(Source records)
---*---
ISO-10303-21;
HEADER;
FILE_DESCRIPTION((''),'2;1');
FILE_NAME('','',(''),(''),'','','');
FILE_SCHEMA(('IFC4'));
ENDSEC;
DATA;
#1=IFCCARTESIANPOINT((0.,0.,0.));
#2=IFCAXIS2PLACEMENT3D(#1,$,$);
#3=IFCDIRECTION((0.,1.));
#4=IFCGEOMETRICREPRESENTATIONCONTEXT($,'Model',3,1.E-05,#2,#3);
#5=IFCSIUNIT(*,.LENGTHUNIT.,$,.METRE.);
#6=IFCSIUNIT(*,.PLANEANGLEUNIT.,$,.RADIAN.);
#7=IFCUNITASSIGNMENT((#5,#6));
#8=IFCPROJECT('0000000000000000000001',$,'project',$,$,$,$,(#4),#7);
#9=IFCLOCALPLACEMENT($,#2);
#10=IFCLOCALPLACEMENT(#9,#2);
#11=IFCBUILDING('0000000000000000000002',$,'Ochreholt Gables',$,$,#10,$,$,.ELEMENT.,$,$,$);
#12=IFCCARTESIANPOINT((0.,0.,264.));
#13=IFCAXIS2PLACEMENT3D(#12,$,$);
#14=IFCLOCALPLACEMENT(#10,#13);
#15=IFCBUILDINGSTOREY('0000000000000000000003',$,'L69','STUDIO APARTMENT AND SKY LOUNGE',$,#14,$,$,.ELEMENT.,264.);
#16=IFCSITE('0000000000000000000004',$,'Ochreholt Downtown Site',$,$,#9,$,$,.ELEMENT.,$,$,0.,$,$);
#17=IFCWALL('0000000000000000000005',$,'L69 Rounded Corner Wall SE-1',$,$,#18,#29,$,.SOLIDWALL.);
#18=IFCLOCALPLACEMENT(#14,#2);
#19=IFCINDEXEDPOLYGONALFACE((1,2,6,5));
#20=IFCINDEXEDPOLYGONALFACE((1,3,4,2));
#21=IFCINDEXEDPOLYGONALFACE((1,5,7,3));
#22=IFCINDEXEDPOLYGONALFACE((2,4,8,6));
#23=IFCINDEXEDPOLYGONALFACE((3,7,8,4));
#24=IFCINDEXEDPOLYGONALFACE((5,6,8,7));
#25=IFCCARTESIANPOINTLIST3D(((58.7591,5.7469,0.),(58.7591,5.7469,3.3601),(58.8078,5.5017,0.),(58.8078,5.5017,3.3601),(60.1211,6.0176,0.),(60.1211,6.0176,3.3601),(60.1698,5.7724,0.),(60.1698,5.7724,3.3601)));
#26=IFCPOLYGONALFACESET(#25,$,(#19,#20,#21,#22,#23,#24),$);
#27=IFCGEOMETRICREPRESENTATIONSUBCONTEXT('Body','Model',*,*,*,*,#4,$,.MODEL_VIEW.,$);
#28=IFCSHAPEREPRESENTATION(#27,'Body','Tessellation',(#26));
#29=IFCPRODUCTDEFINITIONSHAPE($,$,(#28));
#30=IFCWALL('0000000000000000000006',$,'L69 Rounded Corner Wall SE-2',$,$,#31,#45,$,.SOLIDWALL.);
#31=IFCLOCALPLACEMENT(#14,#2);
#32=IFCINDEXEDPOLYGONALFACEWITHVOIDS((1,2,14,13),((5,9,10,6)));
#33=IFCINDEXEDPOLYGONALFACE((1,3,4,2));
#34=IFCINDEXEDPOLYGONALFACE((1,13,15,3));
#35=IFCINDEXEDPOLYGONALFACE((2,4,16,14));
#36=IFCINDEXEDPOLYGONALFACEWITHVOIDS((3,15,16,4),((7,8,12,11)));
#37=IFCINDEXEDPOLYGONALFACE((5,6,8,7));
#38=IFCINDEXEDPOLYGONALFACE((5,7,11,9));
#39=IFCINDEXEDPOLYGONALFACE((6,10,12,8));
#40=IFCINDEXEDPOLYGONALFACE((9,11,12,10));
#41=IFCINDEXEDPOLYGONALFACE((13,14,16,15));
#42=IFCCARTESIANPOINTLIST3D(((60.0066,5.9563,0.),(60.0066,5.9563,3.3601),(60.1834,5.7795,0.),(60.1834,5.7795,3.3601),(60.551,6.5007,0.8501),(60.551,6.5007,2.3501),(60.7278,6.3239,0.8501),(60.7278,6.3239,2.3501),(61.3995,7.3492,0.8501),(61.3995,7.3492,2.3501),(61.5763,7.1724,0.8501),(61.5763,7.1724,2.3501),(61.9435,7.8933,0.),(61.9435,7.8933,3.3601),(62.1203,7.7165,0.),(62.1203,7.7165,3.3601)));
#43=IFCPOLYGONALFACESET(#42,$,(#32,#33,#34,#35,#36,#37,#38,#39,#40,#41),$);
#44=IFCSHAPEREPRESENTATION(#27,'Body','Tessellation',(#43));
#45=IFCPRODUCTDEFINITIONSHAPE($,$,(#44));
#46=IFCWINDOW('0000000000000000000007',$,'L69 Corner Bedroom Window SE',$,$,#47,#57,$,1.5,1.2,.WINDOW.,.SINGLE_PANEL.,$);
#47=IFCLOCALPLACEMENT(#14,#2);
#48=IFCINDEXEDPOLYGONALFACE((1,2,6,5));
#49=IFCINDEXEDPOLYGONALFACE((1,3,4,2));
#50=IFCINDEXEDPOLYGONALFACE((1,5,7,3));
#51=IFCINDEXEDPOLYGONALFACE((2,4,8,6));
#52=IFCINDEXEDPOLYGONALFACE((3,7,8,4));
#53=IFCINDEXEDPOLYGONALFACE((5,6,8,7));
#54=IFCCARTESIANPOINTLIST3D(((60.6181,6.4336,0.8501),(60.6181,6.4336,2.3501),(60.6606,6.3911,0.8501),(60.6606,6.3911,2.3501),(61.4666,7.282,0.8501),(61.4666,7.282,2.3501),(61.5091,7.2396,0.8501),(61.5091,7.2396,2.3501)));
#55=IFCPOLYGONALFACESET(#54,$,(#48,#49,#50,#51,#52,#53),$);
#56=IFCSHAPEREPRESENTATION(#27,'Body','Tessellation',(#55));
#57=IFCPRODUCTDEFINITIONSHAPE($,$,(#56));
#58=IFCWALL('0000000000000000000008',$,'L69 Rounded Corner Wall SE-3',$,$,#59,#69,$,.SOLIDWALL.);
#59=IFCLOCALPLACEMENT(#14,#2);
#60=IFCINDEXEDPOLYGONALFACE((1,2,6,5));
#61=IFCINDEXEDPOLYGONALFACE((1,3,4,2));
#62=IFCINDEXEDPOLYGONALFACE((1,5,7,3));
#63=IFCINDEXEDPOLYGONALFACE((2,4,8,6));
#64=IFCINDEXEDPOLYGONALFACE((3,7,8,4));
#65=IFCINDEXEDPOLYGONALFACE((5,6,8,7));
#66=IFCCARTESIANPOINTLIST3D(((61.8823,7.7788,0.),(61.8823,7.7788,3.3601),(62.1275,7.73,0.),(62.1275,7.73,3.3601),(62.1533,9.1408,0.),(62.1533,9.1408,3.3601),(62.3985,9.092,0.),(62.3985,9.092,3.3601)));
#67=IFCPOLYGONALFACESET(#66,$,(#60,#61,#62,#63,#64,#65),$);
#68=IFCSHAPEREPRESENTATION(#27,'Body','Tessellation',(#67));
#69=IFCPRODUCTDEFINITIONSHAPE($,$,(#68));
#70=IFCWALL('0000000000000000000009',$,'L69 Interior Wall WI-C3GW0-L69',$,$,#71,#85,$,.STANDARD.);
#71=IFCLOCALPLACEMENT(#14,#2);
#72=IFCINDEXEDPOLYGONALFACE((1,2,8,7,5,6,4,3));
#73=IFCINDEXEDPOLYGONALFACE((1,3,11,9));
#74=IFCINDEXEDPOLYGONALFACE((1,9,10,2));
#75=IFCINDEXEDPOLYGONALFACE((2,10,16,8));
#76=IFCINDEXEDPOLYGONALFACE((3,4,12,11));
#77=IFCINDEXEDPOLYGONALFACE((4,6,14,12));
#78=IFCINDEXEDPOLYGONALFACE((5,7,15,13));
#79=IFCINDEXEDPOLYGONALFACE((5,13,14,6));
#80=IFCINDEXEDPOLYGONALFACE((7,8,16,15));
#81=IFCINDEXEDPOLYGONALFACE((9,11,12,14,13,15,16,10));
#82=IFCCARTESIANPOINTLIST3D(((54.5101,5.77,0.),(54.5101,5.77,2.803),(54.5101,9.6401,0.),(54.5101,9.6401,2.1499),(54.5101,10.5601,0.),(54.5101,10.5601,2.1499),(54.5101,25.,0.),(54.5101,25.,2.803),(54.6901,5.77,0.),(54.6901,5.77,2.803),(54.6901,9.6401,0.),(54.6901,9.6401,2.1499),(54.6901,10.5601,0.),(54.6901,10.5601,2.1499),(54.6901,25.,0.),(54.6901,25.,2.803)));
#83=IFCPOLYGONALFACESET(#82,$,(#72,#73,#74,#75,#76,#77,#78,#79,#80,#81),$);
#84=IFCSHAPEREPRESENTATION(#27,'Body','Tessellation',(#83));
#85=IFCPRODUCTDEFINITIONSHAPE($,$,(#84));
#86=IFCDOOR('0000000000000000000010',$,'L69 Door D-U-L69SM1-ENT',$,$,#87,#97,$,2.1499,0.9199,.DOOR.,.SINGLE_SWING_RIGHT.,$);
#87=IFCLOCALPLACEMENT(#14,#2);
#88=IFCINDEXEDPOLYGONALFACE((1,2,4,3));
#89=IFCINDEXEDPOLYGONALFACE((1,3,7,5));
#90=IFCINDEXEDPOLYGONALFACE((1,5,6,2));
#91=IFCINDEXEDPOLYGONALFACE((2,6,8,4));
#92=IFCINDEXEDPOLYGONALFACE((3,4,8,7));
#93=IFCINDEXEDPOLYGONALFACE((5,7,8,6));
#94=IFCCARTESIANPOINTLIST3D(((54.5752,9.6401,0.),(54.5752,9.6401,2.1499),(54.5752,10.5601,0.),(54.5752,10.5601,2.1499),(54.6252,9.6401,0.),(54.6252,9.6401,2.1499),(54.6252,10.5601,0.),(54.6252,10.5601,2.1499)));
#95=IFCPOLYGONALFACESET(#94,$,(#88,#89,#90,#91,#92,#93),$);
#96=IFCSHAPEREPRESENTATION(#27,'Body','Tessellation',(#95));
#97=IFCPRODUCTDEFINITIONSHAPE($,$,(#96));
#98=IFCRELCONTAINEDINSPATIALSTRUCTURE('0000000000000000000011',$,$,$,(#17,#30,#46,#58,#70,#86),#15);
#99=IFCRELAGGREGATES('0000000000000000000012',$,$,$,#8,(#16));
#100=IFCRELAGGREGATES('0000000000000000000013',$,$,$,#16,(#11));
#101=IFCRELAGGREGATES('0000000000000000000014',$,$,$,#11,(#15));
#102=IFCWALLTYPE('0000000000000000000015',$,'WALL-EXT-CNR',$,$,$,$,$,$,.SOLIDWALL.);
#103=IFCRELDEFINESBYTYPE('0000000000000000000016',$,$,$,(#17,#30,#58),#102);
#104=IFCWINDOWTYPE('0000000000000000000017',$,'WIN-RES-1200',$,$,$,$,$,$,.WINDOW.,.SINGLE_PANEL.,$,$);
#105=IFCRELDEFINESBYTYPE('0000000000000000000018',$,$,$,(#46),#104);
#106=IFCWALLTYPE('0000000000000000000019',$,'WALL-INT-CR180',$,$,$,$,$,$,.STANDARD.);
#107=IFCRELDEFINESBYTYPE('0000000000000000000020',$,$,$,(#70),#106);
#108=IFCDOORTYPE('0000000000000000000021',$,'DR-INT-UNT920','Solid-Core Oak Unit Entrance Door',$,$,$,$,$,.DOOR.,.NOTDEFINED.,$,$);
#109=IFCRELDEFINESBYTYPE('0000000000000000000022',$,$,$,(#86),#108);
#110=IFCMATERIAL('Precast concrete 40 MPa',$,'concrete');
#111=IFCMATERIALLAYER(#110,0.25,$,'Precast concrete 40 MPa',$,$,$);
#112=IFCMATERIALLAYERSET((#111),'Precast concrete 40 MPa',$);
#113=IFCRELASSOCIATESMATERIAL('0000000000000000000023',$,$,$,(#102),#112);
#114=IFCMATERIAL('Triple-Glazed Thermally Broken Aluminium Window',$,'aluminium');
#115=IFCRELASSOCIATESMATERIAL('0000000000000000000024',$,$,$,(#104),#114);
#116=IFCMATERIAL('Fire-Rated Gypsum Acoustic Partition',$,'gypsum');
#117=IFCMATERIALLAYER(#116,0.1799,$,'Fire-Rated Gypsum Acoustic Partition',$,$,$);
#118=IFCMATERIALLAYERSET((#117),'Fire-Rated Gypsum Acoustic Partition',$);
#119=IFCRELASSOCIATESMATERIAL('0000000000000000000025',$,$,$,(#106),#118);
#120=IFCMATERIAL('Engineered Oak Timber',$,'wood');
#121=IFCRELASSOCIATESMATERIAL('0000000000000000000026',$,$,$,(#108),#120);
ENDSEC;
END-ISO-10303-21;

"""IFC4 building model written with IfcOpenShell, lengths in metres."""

from ifc_helpers import new_model, si_unit, direction, frame, frame_2d, origin, place, context, subcontext, project, spatial, rectangle, extrude, material, layer, layer_set, type_object, element, fill, save


model = new_model("IFC4")

# Units and contexts
model_context = context("Model", 3, precision=1e-05, world=origin(), true_north=direction((0.0, 1.0)))
body_context = subcontext(model_context, "Body", "Model", "MODEL_VIEW")
ifc_project = project(units=[si_unit("LENGTHUNIT", "METRE"), si_unit("PLANEANGLEUNIT", "RADIAN")], contexts=[model_context])

# Site, building, storey
site_placement = place(None, origin())
site = spatial("IfcSite", under=ifc_project, at=site_placement, Name="Ochreholt Downtown Site", CompositionType="ELEMENT", RefElevation=0.0)
building_placement = place(site_placement, origin())
building = spatial("IfcBuilding", under=site, at=building_placement, Name="Ochreholt Gables", CompositionType="ELEMENT")
storey_placement = place(building_placement, frame((0.0, 0.0, 264.0)))
storey = spatial("IfcBuildingStorey", under=building, at=storey_placement, Name="L69", Description="STUDIO APARTMENT AND SKY LOUNGE", CompositionType="ELEMENT", Elevation=264.0)

# Shared definitions
ifc_material_1 = material(Name="Precast concrete 40 MPa", Category="concrete")
ifc_material_2 = material(Name="Triple-Glazed Thermally Broken Aluminium Window", Category="aluminium")

# Wall
ifc_layer_1 = layer(ifc_material_1, 0.25, Name="Precast concrete 40 MPa")
ifc_layer_set_1 = layer_set([ifc_layer_1], Name="Precast concrete 40 MPa")
wall_type_1 = type_object("IfcWallType", Name="WALL-EXT-CNR", PredefinedType="SOLIDWALL", material=ifc_layer_set_1)
wall_1_placement = place(storey_placement, frame((58.7834, 5.6243, 0.0), z_axis=(0.0, 0.0, 1.0), x_axis=(0.98081, 0.194967, 0.0)))
element("IfcWall", 1, at=wall_1_placement, inside=storey, type_object=wall_type_1, Name="L69 Rounded Corner Wall SE-1", PredefinedType="SOLIDWALL", context=body_context, shape_type="SweptSolid", body=[
    extrude(rectangle(XDim=1.3887, YDim=0.25, at=frame_2d((0.6943, 0.0))), origin(), (0.0, 0.0, 1.0), 3.3601),
])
---*---
# Task goal
Give the number of lines above that include "IFCSIUNIT". Write nothing else.

# Completed exercise
2